EXERCISE OBJECTIVE = Report back each line of the data that contains the word "IFCSHAPEREPRESENTATION".

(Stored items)
>>>>
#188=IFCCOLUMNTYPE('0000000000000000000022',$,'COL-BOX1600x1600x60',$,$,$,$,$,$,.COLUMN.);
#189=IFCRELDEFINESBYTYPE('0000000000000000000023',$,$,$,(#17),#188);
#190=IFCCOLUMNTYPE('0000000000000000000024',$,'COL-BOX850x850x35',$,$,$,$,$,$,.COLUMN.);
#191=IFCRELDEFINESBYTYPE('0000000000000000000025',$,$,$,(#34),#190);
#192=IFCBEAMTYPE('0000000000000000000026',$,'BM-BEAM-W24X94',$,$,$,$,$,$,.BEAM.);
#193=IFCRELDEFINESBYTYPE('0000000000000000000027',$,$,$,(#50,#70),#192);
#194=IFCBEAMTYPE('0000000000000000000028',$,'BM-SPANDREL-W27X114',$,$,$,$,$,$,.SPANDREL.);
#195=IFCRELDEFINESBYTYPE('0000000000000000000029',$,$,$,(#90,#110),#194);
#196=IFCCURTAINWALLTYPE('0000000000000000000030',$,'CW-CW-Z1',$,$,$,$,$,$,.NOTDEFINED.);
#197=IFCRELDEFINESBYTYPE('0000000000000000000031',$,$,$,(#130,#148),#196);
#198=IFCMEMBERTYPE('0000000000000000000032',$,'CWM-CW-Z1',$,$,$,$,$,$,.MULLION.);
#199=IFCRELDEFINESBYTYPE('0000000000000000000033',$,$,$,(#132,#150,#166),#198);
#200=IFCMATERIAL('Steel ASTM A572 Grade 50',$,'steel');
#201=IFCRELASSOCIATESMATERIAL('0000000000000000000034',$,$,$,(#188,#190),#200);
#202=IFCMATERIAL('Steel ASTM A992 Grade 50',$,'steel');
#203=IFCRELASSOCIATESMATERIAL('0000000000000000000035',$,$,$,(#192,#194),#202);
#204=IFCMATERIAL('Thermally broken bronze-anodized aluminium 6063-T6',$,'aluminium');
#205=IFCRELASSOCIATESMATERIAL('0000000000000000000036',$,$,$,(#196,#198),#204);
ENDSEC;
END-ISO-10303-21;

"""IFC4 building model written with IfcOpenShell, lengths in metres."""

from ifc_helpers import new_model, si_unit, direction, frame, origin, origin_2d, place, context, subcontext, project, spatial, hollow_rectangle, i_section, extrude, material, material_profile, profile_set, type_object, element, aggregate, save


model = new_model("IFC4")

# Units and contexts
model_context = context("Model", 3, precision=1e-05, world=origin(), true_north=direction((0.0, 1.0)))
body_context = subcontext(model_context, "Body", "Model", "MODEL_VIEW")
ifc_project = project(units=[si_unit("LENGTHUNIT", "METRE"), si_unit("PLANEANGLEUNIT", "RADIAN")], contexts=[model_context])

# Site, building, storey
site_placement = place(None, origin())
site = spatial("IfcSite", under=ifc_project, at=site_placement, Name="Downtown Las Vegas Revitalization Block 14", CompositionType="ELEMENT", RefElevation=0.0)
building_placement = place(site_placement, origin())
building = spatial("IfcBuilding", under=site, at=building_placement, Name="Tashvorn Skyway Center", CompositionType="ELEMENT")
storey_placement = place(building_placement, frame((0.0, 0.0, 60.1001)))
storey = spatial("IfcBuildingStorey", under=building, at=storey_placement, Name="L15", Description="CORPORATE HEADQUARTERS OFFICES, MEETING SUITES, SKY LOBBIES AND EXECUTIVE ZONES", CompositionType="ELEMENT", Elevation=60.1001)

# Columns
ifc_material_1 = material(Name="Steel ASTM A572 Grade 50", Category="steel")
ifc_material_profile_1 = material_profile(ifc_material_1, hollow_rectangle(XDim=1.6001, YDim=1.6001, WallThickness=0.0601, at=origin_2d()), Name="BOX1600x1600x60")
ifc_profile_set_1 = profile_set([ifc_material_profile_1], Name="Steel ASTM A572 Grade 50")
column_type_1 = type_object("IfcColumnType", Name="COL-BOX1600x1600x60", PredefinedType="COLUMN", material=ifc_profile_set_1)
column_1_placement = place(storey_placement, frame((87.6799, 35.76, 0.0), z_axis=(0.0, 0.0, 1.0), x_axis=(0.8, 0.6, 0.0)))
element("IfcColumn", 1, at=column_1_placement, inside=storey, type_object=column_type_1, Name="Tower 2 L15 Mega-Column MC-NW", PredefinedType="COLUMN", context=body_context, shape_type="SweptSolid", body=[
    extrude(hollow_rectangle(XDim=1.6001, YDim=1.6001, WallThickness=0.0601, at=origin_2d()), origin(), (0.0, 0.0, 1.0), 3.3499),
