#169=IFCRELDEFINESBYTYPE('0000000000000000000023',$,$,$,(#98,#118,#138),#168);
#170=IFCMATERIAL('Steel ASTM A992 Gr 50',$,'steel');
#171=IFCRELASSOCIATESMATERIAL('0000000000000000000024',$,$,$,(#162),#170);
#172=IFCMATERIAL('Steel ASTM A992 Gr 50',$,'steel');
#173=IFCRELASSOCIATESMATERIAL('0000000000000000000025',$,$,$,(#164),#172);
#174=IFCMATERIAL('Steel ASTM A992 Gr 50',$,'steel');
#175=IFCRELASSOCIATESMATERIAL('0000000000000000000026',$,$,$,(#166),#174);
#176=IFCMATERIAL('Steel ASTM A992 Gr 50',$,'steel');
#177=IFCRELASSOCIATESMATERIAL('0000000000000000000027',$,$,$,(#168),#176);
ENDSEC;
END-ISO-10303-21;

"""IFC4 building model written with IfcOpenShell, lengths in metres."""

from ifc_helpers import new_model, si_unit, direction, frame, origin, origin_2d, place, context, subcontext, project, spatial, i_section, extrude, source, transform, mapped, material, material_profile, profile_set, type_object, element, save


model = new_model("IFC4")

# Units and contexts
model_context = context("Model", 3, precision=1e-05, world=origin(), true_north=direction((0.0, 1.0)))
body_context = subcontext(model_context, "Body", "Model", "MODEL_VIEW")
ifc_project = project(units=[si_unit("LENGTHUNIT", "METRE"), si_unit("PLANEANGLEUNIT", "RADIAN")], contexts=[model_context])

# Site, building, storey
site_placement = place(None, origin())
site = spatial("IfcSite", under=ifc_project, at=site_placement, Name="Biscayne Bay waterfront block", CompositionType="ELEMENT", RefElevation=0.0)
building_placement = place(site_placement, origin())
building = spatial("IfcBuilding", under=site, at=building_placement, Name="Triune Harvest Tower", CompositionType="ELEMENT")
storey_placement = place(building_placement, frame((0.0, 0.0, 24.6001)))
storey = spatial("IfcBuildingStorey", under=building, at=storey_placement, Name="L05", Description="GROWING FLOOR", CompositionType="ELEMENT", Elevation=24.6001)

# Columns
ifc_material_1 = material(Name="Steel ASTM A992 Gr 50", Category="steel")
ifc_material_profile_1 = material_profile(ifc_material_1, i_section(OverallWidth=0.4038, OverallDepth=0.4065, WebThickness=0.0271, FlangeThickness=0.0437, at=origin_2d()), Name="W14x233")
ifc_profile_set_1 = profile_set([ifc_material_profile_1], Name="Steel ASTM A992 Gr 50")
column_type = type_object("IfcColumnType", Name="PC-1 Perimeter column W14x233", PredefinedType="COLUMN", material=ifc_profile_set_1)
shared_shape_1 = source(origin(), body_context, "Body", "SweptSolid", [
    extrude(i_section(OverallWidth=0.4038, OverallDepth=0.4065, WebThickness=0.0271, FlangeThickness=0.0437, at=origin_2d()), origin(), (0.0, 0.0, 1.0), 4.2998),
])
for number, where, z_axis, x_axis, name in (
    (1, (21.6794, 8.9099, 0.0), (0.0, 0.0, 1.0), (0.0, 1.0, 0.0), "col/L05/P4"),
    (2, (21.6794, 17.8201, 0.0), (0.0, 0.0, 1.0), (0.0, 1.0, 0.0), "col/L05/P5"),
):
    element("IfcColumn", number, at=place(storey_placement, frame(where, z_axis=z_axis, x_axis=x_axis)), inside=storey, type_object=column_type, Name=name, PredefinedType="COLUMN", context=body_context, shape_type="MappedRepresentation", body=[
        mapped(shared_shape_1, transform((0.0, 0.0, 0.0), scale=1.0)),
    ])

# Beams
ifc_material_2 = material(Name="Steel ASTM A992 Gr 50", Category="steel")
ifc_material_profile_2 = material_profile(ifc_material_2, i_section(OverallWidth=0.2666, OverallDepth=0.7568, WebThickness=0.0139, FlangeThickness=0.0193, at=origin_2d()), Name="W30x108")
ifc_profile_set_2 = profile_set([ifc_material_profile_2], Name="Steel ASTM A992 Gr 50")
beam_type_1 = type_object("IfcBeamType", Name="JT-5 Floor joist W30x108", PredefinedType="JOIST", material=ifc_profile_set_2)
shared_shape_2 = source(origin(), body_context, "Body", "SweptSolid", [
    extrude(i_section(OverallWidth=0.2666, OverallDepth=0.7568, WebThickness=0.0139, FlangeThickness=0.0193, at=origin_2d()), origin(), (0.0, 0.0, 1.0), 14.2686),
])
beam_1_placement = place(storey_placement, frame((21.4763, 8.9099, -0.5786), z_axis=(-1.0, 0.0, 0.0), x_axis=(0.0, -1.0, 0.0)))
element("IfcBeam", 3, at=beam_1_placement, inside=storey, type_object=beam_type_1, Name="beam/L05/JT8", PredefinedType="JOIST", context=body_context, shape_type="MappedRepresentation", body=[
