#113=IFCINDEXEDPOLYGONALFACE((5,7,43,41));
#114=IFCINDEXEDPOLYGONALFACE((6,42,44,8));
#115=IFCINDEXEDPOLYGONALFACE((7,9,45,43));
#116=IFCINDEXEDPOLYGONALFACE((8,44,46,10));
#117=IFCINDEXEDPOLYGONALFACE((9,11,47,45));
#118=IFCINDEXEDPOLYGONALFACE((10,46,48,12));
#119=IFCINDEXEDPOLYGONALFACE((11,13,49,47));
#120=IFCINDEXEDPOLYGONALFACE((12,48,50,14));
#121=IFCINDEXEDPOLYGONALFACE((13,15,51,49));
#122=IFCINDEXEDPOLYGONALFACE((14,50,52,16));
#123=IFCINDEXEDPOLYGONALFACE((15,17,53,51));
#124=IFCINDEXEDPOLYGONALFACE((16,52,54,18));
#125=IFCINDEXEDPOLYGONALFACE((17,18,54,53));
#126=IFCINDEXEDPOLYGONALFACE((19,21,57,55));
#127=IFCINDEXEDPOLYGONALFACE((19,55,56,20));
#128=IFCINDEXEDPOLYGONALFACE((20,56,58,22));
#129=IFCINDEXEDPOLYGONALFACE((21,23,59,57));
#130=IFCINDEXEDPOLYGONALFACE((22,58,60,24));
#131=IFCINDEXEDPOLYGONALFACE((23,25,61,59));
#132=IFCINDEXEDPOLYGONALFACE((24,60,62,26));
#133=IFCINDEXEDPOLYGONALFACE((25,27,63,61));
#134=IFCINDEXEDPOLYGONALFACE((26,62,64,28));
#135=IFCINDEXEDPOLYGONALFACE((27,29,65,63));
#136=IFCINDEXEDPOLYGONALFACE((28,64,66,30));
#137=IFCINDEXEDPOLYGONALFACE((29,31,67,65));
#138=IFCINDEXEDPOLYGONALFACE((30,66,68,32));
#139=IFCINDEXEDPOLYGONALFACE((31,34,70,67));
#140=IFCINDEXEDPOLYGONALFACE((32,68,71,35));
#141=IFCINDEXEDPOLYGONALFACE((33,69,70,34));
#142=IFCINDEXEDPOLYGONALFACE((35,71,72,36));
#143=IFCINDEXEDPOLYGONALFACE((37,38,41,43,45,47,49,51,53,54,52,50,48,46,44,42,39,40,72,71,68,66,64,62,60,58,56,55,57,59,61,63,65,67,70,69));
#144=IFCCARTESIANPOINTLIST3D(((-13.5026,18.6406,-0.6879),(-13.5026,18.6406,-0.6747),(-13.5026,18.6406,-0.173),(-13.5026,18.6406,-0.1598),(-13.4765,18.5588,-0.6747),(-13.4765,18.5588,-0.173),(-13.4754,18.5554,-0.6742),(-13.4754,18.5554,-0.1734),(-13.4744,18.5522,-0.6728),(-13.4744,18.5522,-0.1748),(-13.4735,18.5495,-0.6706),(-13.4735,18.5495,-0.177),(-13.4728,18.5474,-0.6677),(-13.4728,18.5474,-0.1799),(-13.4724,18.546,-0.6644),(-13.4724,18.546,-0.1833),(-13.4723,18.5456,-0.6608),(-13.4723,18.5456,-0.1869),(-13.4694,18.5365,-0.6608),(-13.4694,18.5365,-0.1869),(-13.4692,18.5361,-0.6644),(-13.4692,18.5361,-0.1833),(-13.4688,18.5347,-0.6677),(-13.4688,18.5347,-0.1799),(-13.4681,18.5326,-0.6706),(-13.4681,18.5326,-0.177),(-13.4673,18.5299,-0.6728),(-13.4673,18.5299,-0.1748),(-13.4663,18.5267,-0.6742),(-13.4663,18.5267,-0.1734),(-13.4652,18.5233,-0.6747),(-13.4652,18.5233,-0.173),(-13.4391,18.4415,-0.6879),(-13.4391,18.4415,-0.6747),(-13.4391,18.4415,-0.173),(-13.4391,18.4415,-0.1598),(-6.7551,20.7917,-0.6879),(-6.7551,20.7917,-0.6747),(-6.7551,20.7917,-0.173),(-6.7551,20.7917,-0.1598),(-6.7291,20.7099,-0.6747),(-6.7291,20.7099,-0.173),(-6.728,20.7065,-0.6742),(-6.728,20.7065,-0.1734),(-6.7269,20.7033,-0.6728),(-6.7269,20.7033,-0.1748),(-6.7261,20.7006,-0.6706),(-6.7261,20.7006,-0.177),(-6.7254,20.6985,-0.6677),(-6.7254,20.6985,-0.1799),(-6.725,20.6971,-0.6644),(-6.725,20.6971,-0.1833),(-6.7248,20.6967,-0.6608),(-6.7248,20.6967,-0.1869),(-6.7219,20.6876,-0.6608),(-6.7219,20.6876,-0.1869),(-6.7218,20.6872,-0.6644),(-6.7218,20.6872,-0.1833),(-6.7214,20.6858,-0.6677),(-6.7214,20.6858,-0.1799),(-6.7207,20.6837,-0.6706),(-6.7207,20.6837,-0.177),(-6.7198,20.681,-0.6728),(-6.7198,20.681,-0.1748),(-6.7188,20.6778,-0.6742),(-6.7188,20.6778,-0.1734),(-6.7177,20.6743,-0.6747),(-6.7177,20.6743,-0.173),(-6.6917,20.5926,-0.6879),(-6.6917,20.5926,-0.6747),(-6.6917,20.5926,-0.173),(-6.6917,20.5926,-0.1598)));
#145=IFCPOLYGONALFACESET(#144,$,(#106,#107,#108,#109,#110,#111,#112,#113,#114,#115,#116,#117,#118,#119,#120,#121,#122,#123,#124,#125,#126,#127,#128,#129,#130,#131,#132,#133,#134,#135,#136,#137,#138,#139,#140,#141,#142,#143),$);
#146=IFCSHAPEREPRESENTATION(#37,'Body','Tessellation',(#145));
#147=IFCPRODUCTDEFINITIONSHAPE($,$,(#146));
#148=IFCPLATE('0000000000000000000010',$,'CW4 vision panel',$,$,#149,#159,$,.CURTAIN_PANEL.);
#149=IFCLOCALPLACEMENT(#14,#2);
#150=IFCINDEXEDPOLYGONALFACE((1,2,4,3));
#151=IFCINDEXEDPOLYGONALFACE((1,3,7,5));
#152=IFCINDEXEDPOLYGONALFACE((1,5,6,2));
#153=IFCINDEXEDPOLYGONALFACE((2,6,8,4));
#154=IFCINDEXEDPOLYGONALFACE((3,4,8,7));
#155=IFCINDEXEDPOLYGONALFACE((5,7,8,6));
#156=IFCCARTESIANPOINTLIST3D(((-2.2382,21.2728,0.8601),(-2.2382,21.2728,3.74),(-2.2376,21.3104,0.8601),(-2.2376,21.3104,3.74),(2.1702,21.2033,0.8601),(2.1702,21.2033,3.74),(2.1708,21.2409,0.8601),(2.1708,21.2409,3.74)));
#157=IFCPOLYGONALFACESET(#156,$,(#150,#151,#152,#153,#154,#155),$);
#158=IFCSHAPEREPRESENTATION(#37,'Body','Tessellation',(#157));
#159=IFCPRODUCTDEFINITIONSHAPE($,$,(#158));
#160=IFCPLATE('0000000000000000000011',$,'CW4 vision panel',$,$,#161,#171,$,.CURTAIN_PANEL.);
<<<<
ANSWER AREA =
#146=IFCSHAPEREPRESENTATION(#37,'Body','Tessellation',(#145));
#158=IFCSHAPEREPRESENTATION(#37,'Body','Tessellation',(#157));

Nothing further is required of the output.